* Exercise
In the entries below, which lines run from the one containing "#49=IFCINDEXEDPOLYGONALFACE((5,7,8,6));" to the one containing "#68=IFCRELAGGREGATES('0000000000000000000011',$,$,$,#16,(#11));"? Copy exactly those lines, ends included, and no others.

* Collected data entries
************

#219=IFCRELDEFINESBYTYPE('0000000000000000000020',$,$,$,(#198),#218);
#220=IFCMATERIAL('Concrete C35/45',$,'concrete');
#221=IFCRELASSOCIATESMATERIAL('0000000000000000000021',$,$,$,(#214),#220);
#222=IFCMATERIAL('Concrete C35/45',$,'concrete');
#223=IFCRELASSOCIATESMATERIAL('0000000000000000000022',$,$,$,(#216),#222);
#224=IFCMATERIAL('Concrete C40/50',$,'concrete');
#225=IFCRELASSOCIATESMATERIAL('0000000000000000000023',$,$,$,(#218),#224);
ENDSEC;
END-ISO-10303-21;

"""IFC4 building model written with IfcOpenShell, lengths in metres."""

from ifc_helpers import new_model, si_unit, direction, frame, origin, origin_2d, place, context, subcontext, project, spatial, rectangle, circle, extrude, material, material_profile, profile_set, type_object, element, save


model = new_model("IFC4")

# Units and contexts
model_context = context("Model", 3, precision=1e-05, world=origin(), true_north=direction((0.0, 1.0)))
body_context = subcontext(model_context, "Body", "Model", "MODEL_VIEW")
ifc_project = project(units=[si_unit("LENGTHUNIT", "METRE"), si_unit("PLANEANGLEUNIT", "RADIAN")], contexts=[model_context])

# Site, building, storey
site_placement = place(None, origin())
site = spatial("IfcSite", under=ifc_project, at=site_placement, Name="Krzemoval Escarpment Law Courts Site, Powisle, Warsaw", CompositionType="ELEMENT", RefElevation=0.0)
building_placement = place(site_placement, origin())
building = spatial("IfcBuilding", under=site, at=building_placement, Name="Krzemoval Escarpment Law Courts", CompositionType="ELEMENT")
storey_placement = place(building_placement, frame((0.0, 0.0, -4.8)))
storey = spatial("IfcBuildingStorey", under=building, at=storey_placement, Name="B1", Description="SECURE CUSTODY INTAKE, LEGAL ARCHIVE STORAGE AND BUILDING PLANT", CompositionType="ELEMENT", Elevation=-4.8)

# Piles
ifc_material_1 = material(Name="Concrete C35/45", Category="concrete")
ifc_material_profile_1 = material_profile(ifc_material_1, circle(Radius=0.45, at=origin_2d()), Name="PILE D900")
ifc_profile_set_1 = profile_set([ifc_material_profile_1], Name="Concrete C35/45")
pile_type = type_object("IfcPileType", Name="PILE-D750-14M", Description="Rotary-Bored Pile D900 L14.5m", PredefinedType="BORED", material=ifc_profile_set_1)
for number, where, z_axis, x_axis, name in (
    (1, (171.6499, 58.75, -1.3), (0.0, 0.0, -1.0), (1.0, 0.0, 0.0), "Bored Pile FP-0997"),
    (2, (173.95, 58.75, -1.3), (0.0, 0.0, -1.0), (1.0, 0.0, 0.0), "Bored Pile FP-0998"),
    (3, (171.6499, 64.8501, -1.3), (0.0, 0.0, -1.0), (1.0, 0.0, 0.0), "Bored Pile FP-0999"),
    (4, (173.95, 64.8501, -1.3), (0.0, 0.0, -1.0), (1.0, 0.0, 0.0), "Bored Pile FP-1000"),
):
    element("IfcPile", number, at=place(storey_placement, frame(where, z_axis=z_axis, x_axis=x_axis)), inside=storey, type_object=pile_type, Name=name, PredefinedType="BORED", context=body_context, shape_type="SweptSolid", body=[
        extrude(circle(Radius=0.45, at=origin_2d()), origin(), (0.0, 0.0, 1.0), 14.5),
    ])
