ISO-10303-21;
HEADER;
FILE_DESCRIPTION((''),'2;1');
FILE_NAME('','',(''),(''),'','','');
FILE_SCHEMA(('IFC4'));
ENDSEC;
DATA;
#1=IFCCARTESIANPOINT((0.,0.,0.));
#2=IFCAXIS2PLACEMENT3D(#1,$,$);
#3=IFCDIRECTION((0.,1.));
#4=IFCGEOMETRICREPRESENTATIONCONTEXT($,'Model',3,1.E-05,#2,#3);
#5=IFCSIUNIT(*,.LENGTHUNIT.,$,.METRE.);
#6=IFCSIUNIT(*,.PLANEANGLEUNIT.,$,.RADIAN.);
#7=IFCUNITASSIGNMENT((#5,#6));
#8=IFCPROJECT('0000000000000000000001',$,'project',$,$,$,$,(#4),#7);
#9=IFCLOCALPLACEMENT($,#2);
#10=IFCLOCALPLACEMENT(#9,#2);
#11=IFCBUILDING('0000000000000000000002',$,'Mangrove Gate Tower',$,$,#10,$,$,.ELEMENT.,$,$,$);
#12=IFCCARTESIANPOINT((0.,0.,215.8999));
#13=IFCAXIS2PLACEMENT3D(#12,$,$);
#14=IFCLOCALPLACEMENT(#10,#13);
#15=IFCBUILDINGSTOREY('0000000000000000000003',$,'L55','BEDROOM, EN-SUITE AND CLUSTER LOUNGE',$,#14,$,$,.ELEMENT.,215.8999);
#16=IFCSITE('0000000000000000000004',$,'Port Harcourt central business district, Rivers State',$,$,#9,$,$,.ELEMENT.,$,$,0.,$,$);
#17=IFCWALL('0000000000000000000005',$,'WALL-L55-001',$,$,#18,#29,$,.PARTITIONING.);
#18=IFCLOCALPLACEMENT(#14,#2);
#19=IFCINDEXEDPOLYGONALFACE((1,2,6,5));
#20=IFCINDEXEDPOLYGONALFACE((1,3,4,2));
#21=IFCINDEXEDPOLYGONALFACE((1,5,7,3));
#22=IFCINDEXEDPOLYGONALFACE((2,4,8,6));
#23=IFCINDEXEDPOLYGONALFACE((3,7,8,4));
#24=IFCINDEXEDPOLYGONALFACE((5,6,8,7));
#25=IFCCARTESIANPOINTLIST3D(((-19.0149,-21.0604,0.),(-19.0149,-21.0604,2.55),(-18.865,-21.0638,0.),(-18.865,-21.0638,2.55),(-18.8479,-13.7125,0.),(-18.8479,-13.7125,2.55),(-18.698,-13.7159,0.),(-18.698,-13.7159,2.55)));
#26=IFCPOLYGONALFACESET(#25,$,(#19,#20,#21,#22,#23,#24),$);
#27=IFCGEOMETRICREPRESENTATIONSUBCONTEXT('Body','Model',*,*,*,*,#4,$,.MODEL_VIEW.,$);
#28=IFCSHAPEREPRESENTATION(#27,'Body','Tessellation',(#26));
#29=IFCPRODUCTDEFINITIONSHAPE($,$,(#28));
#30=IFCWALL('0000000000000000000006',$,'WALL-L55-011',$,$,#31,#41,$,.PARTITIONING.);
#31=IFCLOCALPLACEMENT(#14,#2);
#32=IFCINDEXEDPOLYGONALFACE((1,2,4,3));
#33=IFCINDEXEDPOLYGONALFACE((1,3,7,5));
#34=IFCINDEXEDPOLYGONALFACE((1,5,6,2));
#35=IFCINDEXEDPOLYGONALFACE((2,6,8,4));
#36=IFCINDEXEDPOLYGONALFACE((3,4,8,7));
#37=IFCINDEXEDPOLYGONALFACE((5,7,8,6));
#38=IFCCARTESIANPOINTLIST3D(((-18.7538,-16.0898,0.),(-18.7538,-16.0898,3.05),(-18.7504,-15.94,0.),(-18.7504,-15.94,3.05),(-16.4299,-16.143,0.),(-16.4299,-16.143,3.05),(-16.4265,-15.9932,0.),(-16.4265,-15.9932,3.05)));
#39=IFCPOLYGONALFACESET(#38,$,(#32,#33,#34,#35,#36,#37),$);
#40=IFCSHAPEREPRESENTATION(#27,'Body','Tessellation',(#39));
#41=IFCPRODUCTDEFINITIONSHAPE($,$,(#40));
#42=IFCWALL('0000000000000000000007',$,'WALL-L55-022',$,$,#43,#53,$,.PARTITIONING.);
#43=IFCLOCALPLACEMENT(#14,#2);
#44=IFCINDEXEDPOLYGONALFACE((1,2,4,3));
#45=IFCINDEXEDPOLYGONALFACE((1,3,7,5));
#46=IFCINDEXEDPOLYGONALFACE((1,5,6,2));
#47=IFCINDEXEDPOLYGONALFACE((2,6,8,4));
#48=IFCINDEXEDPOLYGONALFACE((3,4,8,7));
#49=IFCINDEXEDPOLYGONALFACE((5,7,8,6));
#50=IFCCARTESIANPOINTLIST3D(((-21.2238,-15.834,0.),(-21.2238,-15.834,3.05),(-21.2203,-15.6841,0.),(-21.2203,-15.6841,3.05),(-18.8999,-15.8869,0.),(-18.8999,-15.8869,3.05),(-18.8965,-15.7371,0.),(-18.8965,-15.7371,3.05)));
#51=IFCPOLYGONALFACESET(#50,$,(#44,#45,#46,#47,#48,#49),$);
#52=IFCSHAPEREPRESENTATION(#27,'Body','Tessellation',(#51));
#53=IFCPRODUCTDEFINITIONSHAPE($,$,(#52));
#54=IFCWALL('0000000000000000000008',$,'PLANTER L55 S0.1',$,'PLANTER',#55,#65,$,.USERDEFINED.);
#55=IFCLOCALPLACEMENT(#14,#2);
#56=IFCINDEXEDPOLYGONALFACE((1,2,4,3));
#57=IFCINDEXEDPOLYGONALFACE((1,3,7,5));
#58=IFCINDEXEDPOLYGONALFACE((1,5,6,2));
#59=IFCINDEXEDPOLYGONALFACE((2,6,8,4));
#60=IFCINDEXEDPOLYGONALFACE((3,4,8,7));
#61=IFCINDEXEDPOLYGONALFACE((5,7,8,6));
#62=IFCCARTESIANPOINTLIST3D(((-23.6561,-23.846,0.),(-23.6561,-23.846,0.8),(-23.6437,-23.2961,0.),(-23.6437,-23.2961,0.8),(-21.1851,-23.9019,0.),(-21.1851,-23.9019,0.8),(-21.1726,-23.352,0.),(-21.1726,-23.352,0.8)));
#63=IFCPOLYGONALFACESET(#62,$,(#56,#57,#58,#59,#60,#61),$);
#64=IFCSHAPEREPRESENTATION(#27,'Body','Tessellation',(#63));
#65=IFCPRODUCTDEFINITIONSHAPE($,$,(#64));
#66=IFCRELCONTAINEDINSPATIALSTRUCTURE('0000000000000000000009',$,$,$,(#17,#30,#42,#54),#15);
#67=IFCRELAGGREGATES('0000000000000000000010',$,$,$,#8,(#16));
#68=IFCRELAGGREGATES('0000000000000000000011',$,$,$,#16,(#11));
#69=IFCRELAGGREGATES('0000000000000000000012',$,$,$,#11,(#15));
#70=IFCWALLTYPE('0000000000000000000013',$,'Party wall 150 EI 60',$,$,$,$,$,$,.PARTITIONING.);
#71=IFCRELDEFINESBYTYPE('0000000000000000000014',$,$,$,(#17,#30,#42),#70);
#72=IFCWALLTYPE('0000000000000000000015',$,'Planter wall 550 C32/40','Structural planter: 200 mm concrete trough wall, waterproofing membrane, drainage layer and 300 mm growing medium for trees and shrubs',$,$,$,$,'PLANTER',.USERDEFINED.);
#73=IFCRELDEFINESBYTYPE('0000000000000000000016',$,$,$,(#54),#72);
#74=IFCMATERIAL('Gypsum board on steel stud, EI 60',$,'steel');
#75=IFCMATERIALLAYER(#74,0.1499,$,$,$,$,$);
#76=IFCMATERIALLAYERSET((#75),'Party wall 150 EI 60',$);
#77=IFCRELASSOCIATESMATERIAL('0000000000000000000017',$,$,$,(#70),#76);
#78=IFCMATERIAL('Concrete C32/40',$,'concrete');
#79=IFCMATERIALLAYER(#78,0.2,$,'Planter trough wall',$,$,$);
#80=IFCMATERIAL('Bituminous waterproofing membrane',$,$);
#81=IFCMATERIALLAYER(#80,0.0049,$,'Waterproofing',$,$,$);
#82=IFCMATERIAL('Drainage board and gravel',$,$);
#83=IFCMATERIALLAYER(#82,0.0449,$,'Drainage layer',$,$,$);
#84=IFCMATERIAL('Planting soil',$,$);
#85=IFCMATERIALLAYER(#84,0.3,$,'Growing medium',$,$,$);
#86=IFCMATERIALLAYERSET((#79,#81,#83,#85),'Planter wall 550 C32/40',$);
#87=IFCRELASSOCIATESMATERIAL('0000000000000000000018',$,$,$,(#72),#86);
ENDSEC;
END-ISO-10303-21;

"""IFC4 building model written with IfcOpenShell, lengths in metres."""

from ifc_helpers import new_model, si_unit, direction, frame, frame_2d, origin, place, context, subcontext, project, spatial, rectangle, extrude, material, layer, layer_set, type_object, element, save


model = new_model("IFC4")

# Units and contexts
model_context = context("Model", 3, precision=1e-05, world=origin(), true_north=direction((0.0, 1.0)))
body_context = subcontext(model_context, "Body", "Model", "MODEL_VIEW")
ifc_project = project(units=[si_unit("LENGTHUNIT", "METRE"), si_unit("PLANEANGLEUNIT", "RADIAN")], contexts=[model_context])

# Site, building, storey
site_placement = place(None, origin())
site = spatial("IfcSite", under=ifc_project, at=site_placement, Name="Port Harcourt central business district, Rivers State", CompositionType="ELEMENT", RefElevation=0.0)
building_placement = place(site_placement, origin())
building = spatial("IfcBuilding", under=site, at=building_placement, Name="Mangrove Gate Tower", CompositionType="ELEMENT")
storey_placement = place(building_placement, frame((0.0, 0.0, 215.8999)))
storey = spatial("IfcBuildingStorey", under=building, at=storey_placement, Name="L55", Description="BEDROOM, EN-SUITE AND CLUSTER LOUNGE", CompositionType="ELEMENT", Elevation=215.8999)

# Walls
ifc_material_1 = material(Name="Gypsum board on steel stud, EI 60", Category="steel")
ifc_layer_1 = layer(ifc_material_1, 0.1499)
ifc_layer_set_1 = layer_set([ifc_layer_1], Name="Party wall 150 EI 60")
wall_type_1 = type_object("IfcWallType", Name="Party wall 150 EI 60", PredefinedType="PARTITIONING", material=ifc_layer_set_1)
wall_1_placement = place(storey_placement, frame((-18.9399, -21.062, 0.0), z_axis=(0.0, 0.0, 1.0), x_axis=(0.022721, 0.999742, 0.0)))
element("IfcWall", 1, at=wall_1_placement, inside=storey, type_object=wall_type_1, Name="WALL-L55-001", PredefinedType="PARTITIONING", context=body_context, shape_type="SweptSolid", body=[
    extrude(rectangle(XDim=7.3499, YDim=0.1499, at=frame_2d((3.6748, 0.0))), origin(), (0.0, 0.0, 1.0), 2.55),
])
for number, where, z_axis, x_axis, name in (
    (2, (-18.752, -16.0149, 0.0), (0.0, 0.0, 1.0), (0.999738, -0.022896, 0.0), "WALL-L55-011"),
    (3, (-21.2219, -15.759, 0.0), (0.0, 0.0, 1.0), (0.99974, -0.022791, 0.0), "WALL-L55-022"),
):
    element("IfcWall", number, at=place(storey_placement, frame(where, z_axis=z_axis, x_axis=x_axis)), inside=storey, type_object=wall_type_1, Name=name, PredefinedType="PARTITIONING", context=body_context, shape_type="SweptSolid", body=[
        extrude(rectangle(XDim=2.3245, YDim=0.1499, at=frame_2d((1.1621, 0.0))), origin(), (0.0, 0.0, 1.0), 3.05),
    ])
ifc_material_2 = material(Name="Concrete C32/40", Category="concrete")
ifc_layer_2 = layer(ifc_material_2, 0.2, Name="Planter trough wall")
ifc_material_3 = material(Name="Bituminous waterproofing membrane")
ifc_layer_3 = layer(ifc_material_3, 0.0049, Name="Waterproofing")
ifc_material_4 = material(Name="Drainage board and gravel")
ifc_layer_4 = layer(ifc_material_4, 0.0449, Name="Drainage layer")
ifc_material_5 = material(Name="Planting soil")
ifc_layer_5 = layer(ifc_material_5, 0.3, Name="Growing medium")
ifc_layer_set_2 = layer_set([ifc_layer_2, ifc_layer_3, ifc_layer_4, ifc_layer_5], Name="Planter wall 550 C32/40")
wall_type_2 = type_object("IfcWallType", Name="Planter wall 550 C32/40", Description="Structural planter: 200 mm concrete trough wall, waterproofing membrane, drainage layer and 300 mm growing medium for trees and shrubs", ElementType="PLANTER", PredefinedType="USERDEFINED", material=ifc_layer_set_2)
wall_2_placement = place(storey_placement, frame((-23.6499, -23.571, 0.0), z_axis=(0.0, 0.0, 1.0), x_axis=(0.999744, -0.02262, 0.0)))
element("IfcWall", 4, at=wall_2_placement, inside=storey, type_object=wall_type_2, Name="PLANTER L55 S0.1", ObjectType="PLANTER", PredefinedType="USERDEFINED", context=body_context, shape_type="SweptSolid", body=[
    extrude(rectangle(XDim=2.4717, YDim=0.55, at=frame_2d((1.2358, 0.0))), origin(), (0.0, 0.0, 1.0), 0.8),
])

save(model, "model.ifc")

************

* Worked solution
#49=IFCINDEXEDPOLYGONALFACE((5,7,8,6));
#50=IFCCARTESIANPOINTLIST3D(((-21.2238,-15.834,0.),(-21.2238,-15.834,3.05),(-21.2203,-15.6841,0.),(-21.2203,-15.6841,3.05),(-18.8999,-15.8869,0.),(-18.8999,-15.8869,3.05),(-18.8965,-15.7371,0.),(-18.8965,-15.7371,3.05)));
#51=IFCPOLYGONALFACESET(#50,$,(#44,#45,#46,#47,#48,#49),$);
#52=IFCSHAPEREPRESENTATION(#27,'Body','Tessellation',(#51));
#53=IFCPRODUCTDEFINITIONSHAPE($,$,(#52));
#54=IFCWALL('0000000000000000000008',$,'PLANTER L55 S0.1',$,'PLANTER',#55,#65,$,.USERDEFINED.);
#55=IFCLOCALPLACEMENT(#14,#2);
#56=IFCINDEXEDPOLYGONALFACE((1,2,4,3));
#57=IFCINDEXEDPOLYGONALFACE((1,3,7,5));
#58=IFCINDEXEDPOLYGONALFACE((1,5,6,2));
#59=IFCINDEXEDPOLYGONALFACE((2,6,8,4));
#60=IFCINDEXEDPOLYGONALFACE((3,4,8,7));
#61=IFCINDEXEDPOLYGONALFACE((5,7,8,6));
#62=IFCCARTESIANPOINTLIST3D(((-23.6561,-23.846,0.),(-23.6561,-23.846,0.8),(-23.6437,-23.2961,0.),(-23.6437,-23.2961,0.8),(-21.1851,-23.9019,0.),(-21.1851,-23.9019,0.8),(-21.1726,-23.352,0.),(-21.1726,-23.352,0.8)));
#63=IFCPOLYGONALFACESET(#62,$,(#56,#57,#58,#59,#60,#61),$);
#64=IFCSHAPEREPRESENTATION(#27,'Body','Tessellation',(#63));
#65=IFCPRODUCTDEFINITIONSHAPE($,$,(#64));
#66=IFCRELCONTAINEDINSPATIALSTRUCTURE('0000000000000000000009',$,$,$,(#17,#30,#42,#54),#15);
#67=IFCRELAGGREGATES('0000000000000000000010',$,$,$,#8,(#16));
#68=IFCRELAGGREGATES('0000000000000000000011',$,$,$,#16,(#11));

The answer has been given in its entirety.